— Goal of the exercise —
Output only the stretch of the listing that starts at the line containing "#155=IFCINDEXEDPOLYGONALFACE((6,11,12,9));" and ends at the line containing "#177=IFCINDEXEDPOLYGONALFACE((50,53,56,54));", reproduced exactly with both ends.

>>>

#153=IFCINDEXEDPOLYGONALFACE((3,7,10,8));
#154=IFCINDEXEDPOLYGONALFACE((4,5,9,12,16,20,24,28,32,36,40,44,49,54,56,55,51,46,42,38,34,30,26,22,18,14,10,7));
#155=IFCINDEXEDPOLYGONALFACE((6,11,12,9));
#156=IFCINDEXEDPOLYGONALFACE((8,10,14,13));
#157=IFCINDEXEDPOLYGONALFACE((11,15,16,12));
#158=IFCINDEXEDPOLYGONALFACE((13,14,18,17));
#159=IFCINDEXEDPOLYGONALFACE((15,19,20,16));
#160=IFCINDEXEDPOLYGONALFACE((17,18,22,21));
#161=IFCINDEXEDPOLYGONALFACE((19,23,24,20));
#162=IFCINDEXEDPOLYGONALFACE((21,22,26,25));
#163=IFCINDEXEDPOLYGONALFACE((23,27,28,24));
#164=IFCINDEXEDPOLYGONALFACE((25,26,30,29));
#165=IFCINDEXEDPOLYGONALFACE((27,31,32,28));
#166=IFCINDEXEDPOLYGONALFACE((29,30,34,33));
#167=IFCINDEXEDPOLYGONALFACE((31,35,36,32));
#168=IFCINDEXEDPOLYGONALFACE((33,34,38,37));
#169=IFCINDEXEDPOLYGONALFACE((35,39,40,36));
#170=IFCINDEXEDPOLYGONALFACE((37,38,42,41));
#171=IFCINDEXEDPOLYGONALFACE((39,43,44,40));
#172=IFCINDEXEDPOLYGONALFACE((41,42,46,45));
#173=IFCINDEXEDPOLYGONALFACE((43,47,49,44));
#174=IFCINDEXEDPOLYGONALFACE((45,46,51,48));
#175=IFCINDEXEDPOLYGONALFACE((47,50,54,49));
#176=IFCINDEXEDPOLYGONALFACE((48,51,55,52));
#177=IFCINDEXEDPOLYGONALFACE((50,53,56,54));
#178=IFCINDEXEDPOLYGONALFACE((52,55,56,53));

<<<

— Exercise solution —
#155=IFCINDEXEDPOLYGONALFACE((6,11,12,9));
#156=IFCINDEXEDPOLYGONALFACE((8,10,14,13));
#157=IFCINDEXEDPOLYGONALFACE((11,15,16,12));
#158=IFCINDEXEDPOLYGONALFACE((13,14,18,17));
#159=IFCINDEXEDPOLYGONALFACE((15,19,20,16));
#160=IFCINDEXEDPOLYGONALFACE((17,18,22,21));
#161=IFCINDEXEDPOLYGONALFACE((19,23,24,20));
#162=IFCINDEXEDPOLYGONALFACE((21,22,26,25));
#163=IFCINDEXEDPOLYGONALFACE((23,27,28,24));
#164=IFCINDEXEDPOLYGONALFACE((25,26,30,29));
#165=IFCINDEXEDPOLYGONALFACE((27,31,32,28));
#166=IFCINDEXEDPOLYGONALFACE((29,30,34,33));
#167=IFCINDEXEDPOLYGONALFACE((31,35,36,32));
#168=IFCINDEXEDPOLYGONALFACE((33,34,38,37));
#169=IFCINDEXEDPOLYGONALFACE((35,39,40,36));
#170=IFCINDEXEDPOLYGONALFACE((37,38,42,41));
#171=IFCINDEXEDPOLYGONALFACE((39,43,44,40));
#172=IFCINDEXEDPOLYGONALFACE((41,42,46,45));
#173=IFCINDEXEDPOLYGONALFACE((43,47,49,44));
#174=IFCINDEXEDPOLYGONALFACE((45,46,51,48));
#175=IFCINDEXEDPOLYGONALFACE((47,50,54,49));
#176=IFCINDEXEDPOLYGONALFACE((48,51,55,52));
#177=IFCINDEXEDPOLYGONALFACE((50,53,56,54));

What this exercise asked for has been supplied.